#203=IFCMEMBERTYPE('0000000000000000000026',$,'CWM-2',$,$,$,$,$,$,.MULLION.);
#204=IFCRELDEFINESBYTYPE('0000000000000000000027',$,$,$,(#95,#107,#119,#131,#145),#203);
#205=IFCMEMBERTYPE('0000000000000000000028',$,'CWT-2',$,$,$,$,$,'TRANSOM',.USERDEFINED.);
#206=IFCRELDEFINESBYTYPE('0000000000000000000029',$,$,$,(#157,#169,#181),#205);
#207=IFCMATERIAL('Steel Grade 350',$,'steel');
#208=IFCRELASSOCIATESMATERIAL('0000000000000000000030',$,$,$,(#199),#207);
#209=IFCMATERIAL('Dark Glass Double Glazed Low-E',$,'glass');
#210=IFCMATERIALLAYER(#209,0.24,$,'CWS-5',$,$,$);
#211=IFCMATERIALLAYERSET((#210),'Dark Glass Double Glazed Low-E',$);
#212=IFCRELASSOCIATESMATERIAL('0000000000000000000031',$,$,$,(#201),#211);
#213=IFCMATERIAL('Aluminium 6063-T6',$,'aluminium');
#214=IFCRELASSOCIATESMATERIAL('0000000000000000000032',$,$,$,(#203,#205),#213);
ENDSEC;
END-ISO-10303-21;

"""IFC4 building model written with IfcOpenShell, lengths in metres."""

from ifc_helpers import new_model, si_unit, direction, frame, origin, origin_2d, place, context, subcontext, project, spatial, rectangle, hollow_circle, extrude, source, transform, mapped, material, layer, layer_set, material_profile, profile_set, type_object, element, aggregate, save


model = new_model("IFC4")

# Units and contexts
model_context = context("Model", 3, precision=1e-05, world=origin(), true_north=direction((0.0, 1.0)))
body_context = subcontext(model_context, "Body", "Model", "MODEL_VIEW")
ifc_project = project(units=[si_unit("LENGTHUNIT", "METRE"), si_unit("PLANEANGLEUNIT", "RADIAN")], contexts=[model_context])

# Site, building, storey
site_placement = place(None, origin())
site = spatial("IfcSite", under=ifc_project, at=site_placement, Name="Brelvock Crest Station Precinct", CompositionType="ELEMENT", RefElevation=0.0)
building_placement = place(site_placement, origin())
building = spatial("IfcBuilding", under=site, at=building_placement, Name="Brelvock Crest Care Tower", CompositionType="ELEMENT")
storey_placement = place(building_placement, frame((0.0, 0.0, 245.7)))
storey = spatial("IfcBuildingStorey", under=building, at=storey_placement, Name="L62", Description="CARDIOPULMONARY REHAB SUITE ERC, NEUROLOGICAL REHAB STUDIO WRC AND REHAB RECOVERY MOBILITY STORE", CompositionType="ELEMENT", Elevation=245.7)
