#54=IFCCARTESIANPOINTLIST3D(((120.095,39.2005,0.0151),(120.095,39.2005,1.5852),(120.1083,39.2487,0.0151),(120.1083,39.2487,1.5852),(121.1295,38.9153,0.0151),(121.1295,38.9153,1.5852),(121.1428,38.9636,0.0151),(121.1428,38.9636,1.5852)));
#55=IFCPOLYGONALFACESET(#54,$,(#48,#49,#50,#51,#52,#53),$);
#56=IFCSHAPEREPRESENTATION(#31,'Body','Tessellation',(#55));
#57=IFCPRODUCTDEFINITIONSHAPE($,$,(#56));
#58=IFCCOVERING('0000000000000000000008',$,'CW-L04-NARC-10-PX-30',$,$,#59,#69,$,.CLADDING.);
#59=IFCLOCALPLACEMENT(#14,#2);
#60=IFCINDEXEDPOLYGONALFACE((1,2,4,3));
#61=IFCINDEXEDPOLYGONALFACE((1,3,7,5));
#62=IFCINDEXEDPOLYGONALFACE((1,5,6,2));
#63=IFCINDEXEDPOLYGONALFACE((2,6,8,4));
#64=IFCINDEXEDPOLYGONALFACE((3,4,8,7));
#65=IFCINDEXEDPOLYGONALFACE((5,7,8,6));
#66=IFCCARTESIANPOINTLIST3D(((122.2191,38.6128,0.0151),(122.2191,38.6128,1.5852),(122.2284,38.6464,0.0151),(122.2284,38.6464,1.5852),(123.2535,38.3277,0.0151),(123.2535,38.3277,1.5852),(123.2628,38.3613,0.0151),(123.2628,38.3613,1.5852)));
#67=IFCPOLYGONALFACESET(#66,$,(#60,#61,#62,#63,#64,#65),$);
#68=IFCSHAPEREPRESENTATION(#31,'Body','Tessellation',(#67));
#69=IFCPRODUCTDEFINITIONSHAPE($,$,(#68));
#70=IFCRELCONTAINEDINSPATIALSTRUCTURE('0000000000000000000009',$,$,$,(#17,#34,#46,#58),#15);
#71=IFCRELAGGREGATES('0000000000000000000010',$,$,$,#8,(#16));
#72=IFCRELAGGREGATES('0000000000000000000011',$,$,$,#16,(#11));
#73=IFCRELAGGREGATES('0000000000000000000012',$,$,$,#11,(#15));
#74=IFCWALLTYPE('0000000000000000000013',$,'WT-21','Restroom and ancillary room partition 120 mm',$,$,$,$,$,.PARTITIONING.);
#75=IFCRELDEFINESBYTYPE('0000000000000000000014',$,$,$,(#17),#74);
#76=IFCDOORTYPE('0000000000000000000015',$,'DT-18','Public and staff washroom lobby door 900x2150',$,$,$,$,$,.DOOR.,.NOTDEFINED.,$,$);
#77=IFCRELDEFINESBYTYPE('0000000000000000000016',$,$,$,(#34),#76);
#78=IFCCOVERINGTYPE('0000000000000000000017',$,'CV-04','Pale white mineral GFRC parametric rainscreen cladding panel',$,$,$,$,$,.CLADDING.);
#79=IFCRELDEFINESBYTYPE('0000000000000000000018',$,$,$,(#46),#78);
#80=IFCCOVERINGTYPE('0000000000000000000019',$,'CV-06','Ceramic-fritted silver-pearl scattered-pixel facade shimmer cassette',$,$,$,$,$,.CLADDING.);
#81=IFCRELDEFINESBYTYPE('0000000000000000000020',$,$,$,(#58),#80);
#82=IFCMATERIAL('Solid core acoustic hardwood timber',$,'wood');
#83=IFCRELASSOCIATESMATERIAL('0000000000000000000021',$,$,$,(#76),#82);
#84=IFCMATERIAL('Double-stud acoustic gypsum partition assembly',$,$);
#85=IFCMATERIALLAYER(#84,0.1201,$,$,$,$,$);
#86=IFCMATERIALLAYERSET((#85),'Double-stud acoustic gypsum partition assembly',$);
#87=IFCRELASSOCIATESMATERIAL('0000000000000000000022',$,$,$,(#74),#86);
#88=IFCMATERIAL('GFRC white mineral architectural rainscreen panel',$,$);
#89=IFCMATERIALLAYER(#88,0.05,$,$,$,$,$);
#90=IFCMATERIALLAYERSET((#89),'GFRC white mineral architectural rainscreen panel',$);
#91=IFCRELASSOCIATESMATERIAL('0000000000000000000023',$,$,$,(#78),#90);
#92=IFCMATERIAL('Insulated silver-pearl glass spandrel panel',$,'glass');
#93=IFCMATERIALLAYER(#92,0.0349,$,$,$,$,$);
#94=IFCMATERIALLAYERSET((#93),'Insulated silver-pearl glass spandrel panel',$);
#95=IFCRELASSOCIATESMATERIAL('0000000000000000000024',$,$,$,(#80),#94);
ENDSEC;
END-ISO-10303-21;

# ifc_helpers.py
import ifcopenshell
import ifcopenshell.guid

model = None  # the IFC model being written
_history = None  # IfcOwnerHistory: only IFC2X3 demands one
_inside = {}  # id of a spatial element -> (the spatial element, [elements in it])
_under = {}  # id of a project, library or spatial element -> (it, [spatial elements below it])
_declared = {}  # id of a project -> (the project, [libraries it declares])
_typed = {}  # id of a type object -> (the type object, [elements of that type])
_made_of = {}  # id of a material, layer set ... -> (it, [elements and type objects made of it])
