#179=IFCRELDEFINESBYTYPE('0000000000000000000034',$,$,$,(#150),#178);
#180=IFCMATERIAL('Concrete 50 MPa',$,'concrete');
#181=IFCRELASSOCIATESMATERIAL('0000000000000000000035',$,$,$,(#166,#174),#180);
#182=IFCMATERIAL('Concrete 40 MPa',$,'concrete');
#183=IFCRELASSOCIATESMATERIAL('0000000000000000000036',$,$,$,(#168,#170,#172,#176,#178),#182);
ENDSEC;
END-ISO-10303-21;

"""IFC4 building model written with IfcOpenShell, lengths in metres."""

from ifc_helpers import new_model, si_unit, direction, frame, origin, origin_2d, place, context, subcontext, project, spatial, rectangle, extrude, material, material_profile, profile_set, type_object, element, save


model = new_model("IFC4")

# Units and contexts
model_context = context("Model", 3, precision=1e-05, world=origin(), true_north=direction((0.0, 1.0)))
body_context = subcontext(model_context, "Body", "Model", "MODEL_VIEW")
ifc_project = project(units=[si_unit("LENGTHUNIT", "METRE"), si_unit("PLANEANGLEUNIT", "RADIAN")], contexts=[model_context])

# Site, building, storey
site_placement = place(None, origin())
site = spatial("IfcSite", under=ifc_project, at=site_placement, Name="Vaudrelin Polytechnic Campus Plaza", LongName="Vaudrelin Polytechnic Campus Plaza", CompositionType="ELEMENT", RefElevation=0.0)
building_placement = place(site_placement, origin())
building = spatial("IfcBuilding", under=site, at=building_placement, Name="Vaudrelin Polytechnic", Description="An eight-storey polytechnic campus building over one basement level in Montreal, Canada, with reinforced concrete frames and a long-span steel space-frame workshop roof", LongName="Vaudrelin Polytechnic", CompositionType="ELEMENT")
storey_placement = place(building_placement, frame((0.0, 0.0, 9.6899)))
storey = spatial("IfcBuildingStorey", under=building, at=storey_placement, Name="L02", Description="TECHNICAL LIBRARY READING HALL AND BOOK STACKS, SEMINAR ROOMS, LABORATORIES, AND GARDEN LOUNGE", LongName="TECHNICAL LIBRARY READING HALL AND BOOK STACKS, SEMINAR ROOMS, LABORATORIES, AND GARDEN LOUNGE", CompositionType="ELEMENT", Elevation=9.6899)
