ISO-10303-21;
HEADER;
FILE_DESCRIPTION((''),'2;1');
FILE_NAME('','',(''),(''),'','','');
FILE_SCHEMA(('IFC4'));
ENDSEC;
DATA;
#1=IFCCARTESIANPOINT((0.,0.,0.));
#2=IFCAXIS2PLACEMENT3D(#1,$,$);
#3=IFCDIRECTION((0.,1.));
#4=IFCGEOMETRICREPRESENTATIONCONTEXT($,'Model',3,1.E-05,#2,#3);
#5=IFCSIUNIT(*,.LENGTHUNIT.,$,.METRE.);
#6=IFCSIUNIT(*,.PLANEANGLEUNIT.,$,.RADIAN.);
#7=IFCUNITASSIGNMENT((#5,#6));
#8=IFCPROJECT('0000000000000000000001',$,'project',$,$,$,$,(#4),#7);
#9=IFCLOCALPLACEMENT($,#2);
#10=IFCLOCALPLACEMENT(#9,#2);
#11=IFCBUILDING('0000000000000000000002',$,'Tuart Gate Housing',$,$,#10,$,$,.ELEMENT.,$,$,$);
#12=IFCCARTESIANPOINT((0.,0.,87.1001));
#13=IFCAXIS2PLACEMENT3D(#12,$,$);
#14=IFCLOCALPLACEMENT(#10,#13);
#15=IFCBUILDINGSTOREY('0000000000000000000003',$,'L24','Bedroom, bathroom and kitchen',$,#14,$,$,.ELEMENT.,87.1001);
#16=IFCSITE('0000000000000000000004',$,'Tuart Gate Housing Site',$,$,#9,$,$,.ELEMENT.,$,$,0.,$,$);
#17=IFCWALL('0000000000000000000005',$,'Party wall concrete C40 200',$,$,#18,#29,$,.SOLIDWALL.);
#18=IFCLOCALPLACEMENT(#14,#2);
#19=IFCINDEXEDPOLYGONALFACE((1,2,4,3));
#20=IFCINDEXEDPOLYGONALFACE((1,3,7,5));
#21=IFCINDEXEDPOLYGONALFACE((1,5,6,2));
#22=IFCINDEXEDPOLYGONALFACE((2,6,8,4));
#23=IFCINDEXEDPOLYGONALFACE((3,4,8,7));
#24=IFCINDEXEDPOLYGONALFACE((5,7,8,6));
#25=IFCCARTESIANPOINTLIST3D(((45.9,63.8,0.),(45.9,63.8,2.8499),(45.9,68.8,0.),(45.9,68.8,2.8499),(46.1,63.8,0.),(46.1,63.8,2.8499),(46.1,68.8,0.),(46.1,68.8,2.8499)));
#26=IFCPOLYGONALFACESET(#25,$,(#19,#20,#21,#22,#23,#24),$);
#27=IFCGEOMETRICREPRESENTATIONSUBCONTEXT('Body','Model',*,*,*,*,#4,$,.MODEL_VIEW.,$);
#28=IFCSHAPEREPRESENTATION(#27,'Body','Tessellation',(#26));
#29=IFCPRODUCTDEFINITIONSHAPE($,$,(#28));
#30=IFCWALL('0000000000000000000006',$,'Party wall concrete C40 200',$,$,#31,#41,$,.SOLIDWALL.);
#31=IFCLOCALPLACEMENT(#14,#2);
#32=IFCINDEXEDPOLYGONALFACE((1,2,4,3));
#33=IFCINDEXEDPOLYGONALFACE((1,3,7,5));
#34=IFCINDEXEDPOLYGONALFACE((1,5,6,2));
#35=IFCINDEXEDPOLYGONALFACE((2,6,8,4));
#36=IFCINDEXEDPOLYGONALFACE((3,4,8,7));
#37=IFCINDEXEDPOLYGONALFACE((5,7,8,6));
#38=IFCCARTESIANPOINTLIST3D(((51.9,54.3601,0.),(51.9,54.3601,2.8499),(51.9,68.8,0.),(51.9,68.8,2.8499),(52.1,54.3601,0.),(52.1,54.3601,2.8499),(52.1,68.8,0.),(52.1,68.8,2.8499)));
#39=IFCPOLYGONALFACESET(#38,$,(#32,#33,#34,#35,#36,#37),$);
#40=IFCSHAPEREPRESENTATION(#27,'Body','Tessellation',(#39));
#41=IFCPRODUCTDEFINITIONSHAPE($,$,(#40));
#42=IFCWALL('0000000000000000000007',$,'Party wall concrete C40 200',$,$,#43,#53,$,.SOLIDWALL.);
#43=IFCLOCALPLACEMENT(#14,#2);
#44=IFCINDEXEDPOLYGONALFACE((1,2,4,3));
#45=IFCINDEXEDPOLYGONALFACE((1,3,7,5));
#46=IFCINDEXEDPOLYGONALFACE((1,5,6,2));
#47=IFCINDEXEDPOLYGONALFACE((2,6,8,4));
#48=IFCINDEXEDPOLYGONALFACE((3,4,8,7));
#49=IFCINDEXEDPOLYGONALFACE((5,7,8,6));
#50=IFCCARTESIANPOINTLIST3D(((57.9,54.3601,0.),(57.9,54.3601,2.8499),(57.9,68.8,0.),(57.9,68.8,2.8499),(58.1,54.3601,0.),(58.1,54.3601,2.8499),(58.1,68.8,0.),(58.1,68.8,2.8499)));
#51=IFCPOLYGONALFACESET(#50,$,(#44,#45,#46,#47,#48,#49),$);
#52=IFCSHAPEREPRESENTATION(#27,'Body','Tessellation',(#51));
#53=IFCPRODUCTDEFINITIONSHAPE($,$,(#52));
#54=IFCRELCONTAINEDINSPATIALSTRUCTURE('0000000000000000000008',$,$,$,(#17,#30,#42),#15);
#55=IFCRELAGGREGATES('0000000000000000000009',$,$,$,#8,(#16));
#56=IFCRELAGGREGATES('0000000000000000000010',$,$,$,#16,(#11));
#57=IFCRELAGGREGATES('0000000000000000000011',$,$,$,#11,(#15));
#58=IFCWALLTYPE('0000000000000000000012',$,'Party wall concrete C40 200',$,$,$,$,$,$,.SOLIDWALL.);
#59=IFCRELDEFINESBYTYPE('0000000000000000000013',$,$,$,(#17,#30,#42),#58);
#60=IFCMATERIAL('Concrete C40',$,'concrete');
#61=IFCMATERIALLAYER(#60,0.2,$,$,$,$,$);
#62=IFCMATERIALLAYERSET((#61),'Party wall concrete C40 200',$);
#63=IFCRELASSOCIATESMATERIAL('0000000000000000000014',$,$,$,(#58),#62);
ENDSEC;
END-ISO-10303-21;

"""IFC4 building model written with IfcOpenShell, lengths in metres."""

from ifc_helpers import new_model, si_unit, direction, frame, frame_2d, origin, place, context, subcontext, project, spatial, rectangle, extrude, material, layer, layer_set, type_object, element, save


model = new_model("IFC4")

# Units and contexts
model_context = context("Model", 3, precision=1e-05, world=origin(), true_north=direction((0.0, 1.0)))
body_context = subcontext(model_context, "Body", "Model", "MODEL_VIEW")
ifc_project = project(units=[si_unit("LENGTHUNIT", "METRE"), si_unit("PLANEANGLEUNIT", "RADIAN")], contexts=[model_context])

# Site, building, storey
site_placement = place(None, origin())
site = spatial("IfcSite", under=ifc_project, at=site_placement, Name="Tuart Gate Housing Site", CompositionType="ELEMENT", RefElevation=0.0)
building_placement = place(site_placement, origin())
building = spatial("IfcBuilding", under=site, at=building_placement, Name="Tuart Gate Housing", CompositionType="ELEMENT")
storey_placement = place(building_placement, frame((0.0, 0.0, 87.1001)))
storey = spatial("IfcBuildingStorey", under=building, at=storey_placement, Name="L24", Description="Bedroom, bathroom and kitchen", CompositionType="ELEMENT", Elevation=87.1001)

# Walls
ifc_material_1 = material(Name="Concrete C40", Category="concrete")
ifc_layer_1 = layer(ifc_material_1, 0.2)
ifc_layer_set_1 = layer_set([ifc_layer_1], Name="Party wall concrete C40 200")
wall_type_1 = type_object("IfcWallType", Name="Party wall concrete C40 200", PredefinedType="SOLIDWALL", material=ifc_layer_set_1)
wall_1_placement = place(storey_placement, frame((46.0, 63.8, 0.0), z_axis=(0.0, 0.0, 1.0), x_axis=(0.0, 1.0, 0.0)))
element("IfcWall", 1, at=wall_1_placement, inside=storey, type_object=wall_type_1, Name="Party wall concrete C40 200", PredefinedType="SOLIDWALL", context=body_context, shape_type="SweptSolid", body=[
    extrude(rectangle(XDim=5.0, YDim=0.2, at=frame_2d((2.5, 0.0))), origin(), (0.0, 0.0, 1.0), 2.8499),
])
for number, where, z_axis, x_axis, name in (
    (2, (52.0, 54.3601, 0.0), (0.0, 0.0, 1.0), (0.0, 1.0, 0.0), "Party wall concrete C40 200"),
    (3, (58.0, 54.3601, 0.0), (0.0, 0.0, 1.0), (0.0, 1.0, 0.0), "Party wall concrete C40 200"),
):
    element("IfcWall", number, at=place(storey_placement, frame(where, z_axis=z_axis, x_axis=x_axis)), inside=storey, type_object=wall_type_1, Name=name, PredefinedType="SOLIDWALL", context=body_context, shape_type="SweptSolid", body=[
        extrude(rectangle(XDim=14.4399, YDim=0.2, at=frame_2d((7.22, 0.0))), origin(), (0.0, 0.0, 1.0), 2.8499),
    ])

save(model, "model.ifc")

--

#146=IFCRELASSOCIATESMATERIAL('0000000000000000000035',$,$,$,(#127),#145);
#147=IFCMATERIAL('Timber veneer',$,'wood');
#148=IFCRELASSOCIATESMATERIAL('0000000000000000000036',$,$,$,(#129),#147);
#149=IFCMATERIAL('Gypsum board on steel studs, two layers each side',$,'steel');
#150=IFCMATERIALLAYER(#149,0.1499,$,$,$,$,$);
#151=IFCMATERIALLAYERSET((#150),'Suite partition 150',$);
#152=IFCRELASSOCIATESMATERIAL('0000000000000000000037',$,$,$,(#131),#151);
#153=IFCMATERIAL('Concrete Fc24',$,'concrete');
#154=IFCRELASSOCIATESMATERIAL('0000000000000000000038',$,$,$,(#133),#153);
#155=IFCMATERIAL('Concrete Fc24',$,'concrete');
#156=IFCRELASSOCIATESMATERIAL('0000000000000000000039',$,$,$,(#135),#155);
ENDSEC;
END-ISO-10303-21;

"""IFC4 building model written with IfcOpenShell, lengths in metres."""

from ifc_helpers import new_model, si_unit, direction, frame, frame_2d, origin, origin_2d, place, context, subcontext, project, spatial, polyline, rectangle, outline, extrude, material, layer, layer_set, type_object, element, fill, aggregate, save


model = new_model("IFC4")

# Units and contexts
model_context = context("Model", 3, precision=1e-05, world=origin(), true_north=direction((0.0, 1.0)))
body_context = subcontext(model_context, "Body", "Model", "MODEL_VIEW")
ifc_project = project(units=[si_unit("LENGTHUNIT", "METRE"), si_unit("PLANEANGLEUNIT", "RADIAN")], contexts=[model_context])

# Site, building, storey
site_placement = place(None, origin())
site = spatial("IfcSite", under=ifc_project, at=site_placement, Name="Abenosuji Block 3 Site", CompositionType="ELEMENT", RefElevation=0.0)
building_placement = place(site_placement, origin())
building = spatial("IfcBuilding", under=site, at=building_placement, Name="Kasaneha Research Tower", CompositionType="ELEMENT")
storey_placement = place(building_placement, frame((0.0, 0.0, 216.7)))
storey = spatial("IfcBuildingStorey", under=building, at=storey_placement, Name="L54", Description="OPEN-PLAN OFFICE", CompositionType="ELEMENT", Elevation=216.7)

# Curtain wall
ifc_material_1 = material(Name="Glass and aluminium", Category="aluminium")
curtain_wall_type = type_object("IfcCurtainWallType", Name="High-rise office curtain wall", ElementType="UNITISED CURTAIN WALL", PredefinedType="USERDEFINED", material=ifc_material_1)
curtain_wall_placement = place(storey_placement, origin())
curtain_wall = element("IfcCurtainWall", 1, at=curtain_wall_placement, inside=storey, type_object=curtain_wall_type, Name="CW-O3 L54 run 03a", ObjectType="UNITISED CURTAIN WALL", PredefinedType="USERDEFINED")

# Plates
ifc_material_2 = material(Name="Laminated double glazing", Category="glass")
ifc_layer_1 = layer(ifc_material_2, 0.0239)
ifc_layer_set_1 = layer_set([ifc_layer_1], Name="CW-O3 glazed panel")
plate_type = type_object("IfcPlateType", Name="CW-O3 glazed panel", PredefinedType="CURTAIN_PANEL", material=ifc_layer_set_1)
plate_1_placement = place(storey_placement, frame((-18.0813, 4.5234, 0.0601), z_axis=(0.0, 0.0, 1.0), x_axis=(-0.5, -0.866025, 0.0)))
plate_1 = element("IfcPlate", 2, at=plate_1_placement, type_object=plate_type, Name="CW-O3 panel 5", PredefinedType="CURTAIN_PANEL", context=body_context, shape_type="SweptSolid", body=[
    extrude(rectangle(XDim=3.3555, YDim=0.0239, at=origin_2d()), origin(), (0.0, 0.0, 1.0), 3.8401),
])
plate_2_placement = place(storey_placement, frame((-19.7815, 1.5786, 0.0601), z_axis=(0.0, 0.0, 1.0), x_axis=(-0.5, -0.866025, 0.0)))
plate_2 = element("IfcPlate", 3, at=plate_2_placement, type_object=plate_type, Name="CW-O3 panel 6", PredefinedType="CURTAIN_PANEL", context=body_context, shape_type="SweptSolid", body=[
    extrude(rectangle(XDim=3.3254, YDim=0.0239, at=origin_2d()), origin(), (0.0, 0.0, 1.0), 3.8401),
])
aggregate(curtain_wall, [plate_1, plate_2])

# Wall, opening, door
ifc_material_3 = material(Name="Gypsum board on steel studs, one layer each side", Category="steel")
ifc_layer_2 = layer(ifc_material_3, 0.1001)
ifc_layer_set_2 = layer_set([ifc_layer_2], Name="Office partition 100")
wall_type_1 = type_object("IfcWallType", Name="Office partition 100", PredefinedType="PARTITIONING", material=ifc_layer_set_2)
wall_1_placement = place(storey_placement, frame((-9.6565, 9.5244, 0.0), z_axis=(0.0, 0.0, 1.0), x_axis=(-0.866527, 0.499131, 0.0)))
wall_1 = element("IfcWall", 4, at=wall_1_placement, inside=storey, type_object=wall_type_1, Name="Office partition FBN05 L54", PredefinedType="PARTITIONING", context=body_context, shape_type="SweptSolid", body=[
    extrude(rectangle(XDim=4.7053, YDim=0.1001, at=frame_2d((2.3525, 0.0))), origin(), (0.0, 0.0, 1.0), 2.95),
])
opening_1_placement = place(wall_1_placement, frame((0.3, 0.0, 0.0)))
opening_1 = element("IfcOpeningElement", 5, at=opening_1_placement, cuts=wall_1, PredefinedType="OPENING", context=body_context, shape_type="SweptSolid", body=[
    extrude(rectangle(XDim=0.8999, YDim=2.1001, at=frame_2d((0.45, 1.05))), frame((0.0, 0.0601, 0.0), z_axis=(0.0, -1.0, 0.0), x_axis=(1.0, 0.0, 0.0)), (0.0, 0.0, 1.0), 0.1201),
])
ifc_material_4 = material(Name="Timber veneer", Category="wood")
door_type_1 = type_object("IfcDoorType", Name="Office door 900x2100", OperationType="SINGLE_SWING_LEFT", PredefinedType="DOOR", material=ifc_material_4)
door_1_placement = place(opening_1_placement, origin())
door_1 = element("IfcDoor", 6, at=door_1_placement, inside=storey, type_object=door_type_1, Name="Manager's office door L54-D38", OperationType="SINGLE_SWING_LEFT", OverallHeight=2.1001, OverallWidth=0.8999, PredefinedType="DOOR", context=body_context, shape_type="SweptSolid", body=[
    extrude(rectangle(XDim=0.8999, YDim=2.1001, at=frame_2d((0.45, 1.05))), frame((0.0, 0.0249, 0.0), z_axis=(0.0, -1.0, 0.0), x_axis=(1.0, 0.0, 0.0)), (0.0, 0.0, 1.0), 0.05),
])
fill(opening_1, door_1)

◆ TASK ◆
Every line above from the line with "#71=IFCRELAGGREGATES('0000000000000000000010',$,$,$,#8,(#16));" to the line with "facade shimmer cassette',$,$,$,$,$,.CLADDING.);", inclusive, must be returned exactly; no other line belongs in the reply.

◆ ANSWER BOX ◆
#71=IFCRELAGGREGATES('0000000000000000000010',$,$,$,#8,(#16));
#72=IFCRELAGGREGATES('0000000000000000000011',$,$,$,#16,(#11));
#73=IFCRELAGGREGATES('0000000000000000000012',$,$,$,#11,(#15));
#74=IFCWALLTYPE('0000000000000000000013',$,'WT-21','Restroom and ancillary room partition 120 mm',$,$,$,$,$,.PARTITIONING.);
#75=IFCRELDEFINESBYTYPE('0000000000000000000014',$,$,$,(#17),#74);
#76=IFCDOORTYPE('0000000000000000000015',$,'DT-18','Public and staff washroom lobby door 900x2150',$,$,$,$,$,.DOOR.,.NOTDEFINED.,$,$);
#77=IFCRELDEFINESBYTYPE('0000000000000000000016',$,$,$,(#34),#76);
#78=IFCCOVERINGTYPE('0000000000000000000017',$,'CV-04','Pale white mineral GFRC parametric rainscreen cladding panel',$,$,$,$,$,.CLADDING.);
#79=IFCRELDEFINESBYTYPE('0000000000000000000018',$,$,$,(#46),#78);
#80=IFCCOVERINGTYPE('0000000000000000000019',$,'CV-06','Ceramic-fritted silver-pearl scattered-pixel facade shimmer cassette',$,$,$,$,$,.CLADDING.);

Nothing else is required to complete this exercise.